[Collected data entries]
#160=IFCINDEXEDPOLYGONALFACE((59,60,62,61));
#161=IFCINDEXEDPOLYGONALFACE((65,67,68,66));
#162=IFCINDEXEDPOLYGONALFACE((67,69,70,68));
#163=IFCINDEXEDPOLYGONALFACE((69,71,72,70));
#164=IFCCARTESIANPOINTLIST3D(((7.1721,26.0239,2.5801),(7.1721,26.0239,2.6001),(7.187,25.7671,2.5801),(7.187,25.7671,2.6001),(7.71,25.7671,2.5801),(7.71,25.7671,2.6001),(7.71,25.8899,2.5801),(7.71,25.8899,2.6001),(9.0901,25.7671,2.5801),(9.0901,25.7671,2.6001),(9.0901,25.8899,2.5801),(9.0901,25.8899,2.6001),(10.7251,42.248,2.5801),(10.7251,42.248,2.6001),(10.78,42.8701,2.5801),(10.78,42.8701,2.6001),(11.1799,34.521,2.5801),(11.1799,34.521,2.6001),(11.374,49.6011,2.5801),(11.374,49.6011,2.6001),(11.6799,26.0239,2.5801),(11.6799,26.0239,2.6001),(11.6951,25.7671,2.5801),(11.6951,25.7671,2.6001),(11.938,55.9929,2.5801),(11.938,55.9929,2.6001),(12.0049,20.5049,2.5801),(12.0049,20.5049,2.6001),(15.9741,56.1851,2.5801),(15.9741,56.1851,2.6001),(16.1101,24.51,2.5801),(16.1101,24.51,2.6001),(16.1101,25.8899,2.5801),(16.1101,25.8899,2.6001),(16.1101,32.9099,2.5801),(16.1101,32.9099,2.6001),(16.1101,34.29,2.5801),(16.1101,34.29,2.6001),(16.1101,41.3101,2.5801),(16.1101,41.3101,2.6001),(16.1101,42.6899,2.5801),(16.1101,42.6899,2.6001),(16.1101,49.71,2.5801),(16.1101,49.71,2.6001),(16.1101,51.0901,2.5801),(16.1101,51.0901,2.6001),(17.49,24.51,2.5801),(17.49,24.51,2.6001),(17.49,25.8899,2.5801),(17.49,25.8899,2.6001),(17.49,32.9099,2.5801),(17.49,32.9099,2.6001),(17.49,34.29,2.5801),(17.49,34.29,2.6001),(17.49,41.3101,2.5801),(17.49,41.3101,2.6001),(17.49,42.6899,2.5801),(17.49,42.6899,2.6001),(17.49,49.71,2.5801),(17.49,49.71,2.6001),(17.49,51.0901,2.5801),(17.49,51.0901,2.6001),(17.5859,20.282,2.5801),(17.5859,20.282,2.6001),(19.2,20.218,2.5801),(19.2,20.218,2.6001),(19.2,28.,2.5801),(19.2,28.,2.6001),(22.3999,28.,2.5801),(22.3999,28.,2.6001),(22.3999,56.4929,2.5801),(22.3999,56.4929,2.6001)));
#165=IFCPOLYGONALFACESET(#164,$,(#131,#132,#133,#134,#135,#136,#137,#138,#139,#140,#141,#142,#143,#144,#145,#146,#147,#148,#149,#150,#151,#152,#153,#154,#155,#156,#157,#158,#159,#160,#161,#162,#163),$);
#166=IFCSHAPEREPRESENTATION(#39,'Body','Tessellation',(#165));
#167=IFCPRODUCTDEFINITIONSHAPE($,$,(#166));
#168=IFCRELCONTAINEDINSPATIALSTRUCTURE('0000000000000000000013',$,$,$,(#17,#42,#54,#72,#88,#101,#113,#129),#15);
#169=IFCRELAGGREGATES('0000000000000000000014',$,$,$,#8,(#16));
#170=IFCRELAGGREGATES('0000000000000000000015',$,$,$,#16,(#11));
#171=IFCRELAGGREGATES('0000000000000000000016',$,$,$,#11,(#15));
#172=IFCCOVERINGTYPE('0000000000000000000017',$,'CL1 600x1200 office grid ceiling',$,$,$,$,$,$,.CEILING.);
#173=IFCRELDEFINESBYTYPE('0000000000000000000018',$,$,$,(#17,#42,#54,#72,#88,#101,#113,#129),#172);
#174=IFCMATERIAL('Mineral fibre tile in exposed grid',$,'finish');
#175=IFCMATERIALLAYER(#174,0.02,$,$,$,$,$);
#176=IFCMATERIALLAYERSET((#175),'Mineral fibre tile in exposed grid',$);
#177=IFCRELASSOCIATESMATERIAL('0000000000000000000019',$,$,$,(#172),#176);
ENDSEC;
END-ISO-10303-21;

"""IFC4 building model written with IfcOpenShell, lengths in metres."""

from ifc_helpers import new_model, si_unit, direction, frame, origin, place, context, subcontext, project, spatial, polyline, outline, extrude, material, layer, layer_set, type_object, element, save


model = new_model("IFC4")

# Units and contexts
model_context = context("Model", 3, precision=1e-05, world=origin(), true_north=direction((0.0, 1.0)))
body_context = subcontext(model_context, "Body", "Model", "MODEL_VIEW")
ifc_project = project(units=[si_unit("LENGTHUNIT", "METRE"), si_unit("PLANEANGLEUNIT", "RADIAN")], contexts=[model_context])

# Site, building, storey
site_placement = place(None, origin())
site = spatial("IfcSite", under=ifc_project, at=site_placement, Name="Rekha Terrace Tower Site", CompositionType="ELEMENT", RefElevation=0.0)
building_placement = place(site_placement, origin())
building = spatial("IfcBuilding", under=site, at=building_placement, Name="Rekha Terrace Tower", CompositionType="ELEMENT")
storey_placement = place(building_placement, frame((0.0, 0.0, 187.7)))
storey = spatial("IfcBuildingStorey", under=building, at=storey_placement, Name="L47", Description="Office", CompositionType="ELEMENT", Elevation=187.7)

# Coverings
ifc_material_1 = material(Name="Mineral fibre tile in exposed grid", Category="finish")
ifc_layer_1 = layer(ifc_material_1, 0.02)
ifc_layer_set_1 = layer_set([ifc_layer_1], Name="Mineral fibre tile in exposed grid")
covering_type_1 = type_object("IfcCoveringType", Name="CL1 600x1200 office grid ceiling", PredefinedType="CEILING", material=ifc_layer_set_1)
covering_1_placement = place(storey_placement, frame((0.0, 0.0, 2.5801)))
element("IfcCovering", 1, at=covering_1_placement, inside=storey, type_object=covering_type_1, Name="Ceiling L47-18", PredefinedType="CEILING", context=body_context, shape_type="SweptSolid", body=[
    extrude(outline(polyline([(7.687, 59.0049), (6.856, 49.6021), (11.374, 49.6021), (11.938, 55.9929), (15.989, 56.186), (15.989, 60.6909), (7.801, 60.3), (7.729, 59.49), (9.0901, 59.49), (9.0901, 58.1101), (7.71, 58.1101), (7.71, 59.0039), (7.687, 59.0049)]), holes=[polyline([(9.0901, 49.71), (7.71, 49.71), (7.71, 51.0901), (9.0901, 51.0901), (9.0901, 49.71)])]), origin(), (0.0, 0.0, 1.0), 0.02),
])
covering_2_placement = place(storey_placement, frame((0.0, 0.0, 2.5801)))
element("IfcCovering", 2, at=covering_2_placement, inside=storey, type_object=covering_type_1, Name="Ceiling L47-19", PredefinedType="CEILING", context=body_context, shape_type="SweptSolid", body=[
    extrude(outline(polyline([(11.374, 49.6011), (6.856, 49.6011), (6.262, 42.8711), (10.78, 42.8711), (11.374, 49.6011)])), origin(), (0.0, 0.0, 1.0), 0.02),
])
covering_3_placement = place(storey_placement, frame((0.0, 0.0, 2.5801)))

● **Task requirements**
Write out exactly the lines above between the line with "# Units and contexts" and the line with "frame((0.0, 0.0, 187.7)))", inclusive, and nothing beyond them.

● **Completed task**
# Units and contexts
model_context = context("Model", 3, precision=1e-05, world=origin(), true_north=direction((0.0, 1.0)))
body_context = subcontext(model_context, "Body", "Model", "MODEL_VIEW")
ifc_project = project(units=[si_unit("LENGTHUNIT", "METRE"), si_unit("PLANEANGLEUNIT", "RADIAN")], contexts=[model_context])

# Site, building, storey
site_placement = place(None, origin())
site = spatial("IfcSite", under=ifc_project, at=site_placement, Name="Rekha Terrace Tower Site", CompositionType="ELEMENT", RefElevation=0.0)
building_placement = place(site_placement, origin())
building = spatial("IfcBuilding", under=site, at=building_placement, Name="Rekha Terrace Tower", CompositionType="ELEMENT")
storey_placement = place(building_placement, frame((0.0, 0.0, 187.7)))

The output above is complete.